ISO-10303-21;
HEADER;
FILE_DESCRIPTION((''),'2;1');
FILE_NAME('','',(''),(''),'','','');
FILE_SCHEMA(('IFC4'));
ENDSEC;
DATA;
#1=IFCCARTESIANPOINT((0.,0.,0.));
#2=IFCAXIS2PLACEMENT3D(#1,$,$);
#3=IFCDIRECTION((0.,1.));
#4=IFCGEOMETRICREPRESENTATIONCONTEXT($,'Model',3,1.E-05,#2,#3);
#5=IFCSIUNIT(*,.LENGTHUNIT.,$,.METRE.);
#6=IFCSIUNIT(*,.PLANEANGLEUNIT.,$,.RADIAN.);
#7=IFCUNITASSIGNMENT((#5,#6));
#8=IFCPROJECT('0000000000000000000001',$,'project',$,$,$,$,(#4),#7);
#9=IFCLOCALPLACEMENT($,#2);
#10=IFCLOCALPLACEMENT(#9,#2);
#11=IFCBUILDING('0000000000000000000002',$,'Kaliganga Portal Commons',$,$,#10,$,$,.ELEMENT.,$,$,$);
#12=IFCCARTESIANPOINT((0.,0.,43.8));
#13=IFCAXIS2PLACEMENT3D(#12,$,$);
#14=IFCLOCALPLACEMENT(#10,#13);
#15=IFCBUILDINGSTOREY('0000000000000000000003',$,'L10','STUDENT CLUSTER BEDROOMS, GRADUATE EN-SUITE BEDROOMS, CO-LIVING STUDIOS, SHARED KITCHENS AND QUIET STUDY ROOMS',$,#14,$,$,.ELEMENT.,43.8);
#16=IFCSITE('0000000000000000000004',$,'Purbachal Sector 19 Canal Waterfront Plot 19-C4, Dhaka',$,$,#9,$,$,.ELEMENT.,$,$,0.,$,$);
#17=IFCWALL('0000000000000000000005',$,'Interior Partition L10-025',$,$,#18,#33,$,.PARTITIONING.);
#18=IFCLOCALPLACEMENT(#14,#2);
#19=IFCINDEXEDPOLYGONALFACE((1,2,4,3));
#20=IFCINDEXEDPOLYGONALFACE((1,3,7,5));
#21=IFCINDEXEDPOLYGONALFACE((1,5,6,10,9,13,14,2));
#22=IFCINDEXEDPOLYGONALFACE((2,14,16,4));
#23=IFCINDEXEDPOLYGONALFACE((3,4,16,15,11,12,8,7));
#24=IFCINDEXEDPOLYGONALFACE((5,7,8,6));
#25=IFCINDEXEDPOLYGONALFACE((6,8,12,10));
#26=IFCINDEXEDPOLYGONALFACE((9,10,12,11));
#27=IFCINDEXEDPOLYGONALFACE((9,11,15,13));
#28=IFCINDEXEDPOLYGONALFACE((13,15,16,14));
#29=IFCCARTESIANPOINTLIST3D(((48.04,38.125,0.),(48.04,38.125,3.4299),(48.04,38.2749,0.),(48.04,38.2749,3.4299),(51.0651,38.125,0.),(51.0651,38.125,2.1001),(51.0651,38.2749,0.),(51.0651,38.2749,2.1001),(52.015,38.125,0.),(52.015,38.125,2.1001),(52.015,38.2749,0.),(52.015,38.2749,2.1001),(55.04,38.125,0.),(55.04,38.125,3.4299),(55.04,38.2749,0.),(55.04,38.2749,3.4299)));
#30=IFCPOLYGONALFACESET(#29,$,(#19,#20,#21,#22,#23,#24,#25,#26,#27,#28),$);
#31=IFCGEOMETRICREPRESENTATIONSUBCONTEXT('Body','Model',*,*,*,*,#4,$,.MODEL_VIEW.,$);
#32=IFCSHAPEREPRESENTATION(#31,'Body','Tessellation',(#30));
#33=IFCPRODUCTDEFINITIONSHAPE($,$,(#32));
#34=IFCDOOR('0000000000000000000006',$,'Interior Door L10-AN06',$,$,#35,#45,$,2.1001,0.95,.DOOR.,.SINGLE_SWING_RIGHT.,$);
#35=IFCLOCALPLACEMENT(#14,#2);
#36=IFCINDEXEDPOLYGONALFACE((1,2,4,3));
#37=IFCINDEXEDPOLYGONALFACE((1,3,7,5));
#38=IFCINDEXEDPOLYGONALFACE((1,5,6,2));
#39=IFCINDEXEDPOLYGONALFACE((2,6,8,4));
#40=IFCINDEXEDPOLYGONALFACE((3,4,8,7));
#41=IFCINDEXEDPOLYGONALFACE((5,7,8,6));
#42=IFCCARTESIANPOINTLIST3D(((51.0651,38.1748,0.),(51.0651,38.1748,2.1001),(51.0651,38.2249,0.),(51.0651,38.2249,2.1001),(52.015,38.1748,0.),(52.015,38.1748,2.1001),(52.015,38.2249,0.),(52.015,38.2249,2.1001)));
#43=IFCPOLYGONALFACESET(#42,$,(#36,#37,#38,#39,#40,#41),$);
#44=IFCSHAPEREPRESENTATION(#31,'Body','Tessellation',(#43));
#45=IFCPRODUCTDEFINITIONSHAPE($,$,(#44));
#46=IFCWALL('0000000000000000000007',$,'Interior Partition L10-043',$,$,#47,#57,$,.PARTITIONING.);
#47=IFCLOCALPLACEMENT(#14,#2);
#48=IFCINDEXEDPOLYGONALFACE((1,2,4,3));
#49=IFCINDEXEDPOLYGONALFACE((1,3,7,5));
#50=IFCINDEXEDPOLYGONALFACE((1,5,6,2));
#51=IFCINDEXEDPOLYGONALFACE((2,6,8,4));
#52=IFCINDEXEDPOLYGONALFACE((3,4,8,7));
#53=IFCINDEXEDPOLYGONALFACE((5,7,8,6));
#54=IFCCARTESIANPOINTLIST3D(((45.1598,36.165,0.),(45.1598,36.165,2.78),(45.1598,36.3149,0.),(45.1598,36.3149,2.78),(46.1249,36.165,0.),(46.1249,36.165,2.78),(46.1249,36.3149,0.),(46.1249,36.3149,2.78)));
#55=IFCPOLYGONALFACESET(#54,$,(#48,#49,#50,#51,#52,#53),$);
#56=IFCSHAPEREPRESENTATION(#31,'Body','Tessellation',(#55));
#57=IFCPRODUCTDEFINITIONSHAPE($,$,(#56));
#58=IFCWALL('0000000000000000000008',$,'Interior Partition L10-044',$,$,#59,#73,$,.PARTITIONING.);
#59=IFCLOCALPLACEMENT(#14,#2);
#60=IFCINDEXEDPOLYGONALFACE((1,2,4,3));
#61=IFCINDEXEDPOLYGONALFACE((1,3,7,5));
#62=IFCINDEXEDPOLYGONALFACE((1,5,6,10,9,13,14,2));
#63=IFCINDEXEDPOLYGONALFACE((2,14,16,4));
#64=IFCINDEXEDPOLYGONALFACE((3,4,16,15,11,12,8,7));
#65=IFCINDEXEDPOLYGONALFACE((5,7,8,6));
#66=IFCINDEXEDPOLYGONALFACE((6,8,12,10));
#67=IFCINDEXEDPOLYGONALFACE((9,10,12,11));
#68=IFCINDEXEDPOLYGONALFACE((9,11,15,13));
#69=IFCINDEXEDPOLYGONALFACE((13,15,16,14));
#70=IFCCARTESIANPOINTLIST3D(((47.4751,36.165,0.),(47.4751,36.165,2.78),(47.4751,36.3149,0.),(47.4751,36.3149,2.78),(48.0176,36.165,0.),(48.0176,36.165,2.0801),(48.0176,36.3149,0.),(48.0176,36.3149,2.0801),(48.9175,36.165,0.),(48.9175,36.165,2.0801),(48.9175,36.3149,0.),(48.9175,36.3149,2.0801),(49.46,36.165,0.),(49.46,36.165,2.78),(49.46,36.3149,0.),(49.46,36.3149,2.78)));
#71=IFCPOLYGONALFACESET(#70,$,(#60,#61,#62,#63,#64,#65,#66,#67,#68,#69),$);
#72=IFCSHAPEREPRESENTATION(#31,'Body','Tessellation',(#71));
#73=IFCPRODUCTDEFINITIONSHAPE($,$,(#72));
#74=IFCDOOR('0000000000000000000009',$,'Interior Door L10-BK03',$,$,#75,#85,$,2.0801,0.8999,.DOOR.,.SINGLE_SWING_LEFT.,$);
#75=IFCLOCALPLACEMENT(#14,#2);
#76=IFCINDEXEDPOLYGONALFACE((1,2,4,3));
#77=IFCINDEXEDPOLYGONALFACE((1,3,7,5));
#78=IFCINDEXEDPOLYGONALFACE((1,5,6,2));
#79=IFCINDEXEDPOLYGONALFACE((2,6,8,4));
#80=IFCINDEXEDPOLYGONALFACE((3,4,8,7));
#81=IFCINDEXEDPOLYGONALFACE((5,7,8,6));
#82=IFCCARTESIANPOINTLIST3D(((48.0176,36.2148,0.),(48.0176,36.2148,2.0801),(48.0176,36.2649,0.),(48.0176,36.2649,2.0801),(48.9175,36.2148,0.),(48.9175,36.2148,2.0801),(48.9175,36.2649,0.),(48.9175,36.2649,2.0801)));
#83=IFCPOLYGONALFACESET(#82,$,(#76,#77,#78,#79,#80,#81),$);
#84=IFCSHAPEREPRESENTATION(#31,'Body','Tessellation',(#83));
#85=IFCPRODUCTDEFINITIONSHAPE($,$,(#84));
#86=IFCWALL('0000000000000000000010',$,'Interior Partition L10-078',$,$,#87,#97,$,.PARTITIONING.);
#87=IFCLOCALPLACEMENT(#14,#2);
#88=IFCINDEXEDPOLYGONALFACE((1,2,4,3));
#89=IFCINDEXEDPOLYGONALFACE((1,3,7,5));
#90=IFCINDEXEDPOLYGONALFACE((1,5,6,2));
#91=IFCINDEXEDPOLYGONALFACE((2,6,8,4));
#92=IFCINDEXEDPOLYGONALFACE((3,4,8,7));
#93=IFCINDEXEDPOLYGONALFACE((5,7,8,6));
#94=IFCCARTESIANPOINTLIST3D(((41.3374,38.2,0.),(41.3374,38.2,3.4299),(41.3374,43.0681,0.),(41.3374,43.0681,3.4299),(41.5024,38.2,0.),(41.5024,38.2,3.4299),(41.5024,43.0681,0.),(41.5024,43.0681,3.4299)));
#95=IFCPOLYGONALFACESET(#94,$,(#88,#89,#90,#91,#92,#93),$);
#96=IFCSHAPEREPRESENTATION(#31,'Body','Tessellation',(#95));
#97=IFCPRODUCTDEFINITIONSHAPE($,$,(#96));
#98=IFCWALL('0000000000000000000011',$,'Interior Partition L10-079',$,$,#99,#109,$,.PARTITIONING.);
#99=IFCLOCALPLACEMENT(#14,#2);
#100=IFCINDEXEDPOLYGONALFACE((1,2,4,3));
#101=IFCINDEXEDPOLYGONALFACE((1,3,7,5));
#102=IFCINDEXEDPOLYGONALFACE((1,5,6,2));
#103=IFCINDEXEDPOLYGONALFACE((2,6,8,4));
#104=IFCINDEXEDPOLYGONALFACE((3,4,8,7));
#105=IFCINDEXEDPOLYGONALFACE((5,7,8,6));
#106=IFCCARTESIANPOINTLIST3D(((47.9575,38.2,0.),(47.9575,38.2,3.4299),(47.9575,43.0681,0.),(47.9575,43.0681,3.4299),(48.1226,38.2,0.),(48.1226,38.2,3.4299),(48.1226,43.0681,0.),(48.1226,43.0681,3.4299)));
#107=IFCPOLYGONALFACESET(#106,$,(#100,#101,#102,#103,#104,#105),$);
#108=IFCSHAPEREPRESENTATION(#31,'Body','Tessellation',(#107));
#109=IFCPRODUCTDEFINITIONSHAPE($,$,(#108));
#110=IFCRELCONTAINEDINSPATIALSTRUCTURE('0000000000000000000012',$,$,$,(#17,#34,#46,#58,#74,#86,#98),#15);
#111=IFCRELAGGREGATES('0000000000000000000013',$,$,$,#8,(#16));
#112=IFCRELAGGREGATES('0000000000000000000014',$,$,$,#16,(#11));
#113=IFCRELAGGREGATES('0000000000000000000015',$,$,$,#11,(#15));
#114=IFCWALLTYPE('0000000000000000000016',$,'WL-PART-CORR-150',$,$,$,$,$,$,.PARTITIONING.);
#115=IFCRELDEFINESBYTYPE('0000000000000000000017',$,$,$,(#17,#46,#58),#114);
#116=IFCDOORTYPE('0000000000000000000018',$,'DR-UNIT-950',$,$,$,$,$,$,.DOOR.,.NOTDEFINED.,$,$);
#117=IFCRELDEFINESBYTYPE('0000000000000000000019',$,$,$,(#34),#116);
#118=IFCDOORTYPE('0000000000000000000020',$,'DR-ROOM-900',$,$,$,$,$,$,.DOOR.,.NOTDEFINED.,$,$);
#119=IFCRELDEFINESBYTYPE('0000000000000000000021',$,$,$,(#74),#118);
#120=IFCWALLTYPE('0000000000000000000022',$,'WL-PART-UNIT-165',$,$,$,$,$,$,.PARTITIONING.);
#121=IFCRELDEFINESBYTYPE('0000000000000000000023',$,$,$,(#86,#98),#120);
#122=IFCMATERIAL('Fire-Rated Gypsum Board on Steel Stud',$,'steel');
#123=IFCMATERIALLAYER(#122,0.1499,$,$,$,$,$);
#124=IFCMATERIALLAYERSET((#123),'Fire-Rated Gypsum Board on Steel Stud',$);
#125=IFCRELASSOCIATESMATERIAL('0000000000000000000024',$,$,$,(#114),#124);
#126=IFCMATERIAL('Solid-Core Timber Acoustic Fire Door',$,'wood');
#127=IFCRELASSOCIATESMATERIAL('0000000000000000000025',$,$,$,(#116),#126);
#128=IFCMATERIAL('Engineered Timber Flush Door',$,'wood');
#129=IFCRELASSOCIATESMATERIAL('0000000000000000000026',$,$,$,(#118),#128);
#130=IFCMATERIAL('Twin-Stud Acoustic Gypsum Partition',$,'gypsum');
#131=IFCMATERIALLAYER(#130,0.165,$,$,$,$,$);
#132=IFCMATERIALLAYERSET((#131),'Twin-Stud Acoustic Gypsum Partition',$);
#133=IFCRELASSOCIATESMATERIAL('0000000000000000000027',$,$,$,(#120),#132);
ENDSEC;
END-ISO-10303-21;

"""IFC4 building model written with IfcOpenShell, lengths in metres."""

from ifc_helpers import new_model, si_unit, direction, frame, frame_2d, origin, place, context, subcontext, project, spatial, rectangle, extrude, material, layer, layer_set, type_object, element, fill, save


model = new_model("IFC4")

# Units and contexts
model_context = context("Model", 3, precision=1e-05, world=origin(), true_north=direction((0.0, 1.0)))
body_context = subcontext(model_context, "Body", "Model", "MODEL_VIEW")
ifc_project = project(units=[si_unit("LENGTHUNIT", "METRE"), si_unit("PLANEANGLEUNIT", "RADIAN")], contexts=[model_context])

# Site, building, storey
site_placement = place(None, origin())
site = spatial("IfcSite", under=ifc_project, at=site_placement, Name="Purbachal Sector 19 Canal Waterfront Plot 19-C4, Dhaka", CompositionType="ELEMENT", RefElevation=0.0)
building_placement = place(site_placement, origin())
building = spatial("IfcBuilding", under=site, at=building_placement, Name="Kaliganga Portal Commons", CompositionType="ELEMENT")
storey_placement = place(building_placement, frame((0.0, 0.0, 43.8)))
storey = spatial("IfcBuildingStorey", under=building, at=storey_placement, Name="L10", Description="STUDENT CLUSTER BEDROOMS, GRADUATE EN-SUITE BEDROOMS, CO-LIVING STUDIOS, SHARED KITCHENS AND QUIET STUDY ROOMS", CompositionType="ELEMENT", Elevation=43.8)

# Wall, opening, door
ifc_material_1 = material(Name="Fire-Rated Gypsum Board on Steel Stud", Category="steel")
ifc_layer_1 = layer(ifc_material_1, 0.1499)
ifc_layer_set_1 = layer_set([ifc_layer_1], Name="Fire-Rated Gypsum Board on Steel Stud")
wall_type_1 = type_object("IfcWallType", Name="WL-PART-CORR-150", PredefinedType="PARTITIONING", material=ifc_layer_set_1)
wall_1_placement = place(storey_placement, frame((48.04, 38.2, 0.0), z_axis=(0.0, 0.0, 1.0), x_axis=(1.0, 0.0, 0.0)))
wall_1 = element("IfcWall", 1, at=wall_1_placement, inside=storey, type_object=wall_type_1, Name="Interior Partition L10-025", PredefinedType="PARTITIONING", context=body_context, shape_type="SweptSolid", body=[
    extrude(rectangle(XDim=7.0, YDim=0.1499, at=frame_2d((3.5, 0.0))), origin(), (0.0, 0.0, 1.0), 3.4299),
])
opening_1_placement = place(wall_1_placement, frame((3.0249, 0.0, 0.0)))
opening_1 = element("IfcOpeningElement", 2, at=opening_1_placement, cuts=wall_1, PredefinedType="OPENING", context=body_context, shape_type="SweptSolid", body=[
    extrude(rectangle(XDim=0.95, YDim=2.1001, at=frame_2d((0.4751, 1.05))), frame((0.0, 0.085, 0.0), z_axis=(0.0, -1.0, 0.0), x_axis=(1.0, 0.0, 0.0)), (0.0, 0.0, 1.0), 0.1699),
])
ifc_material_2 = material(Name="Solid-Core Timber Acoustic Fire Door", Category="wood")
door_type_1 = type_object("IfcDoorType", Name="DR-UNIT-950", OperationType="NOTDEFINED", PredefinedType="DOOR", material=ifc_material_2)
door_1_placement = place(opening_1_placement, origin())
door_1 = element("IfcDoor", 3, at=door_1_placement, inside=storey, type_object=door_type_1, Name="Interior Door L10-AN06", OperationType="SINGLE_SWING_RIGHT", OverallHeight=2.1001, OverallWidth=0.95, PredefinedType="DOOR", context=body_context, shape_type="SweptSolid", body=[
    extrude(rectangle(XDim=0.95, YDim=2.1001, at=frame_2d((0.4751, 1.05))), frame((0.0, 0.0249, 0.0), z_axis=(0.0, -1.0, 0.0), x_axis=(1.0, 0.0, 0.0)), (0.0, 0.0, 1.0), 0.05),
])
fill(opening_1, door_1)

Exercise prompt – Scan the records for the string "IFCRELASSOCIATESMATERIAL" and report each line where it occurs.

Result –
#125=IFCRELASSOCIATESMATERIAL('0000000000000000000024',$,$,$,(#114),#124);
#127=IFCRELASSOCIATESMATERIAL('0000000000000000000025',$,$,$,(#116),#126);
#129=IFCRELASSOCIATESMATERIAL('0000000000000000000026',$,$,$,(#118),#128);
#133=IFCRELASSOCIATESMATERIAL('0000000000000000000027',$,$,$,(#120),#132);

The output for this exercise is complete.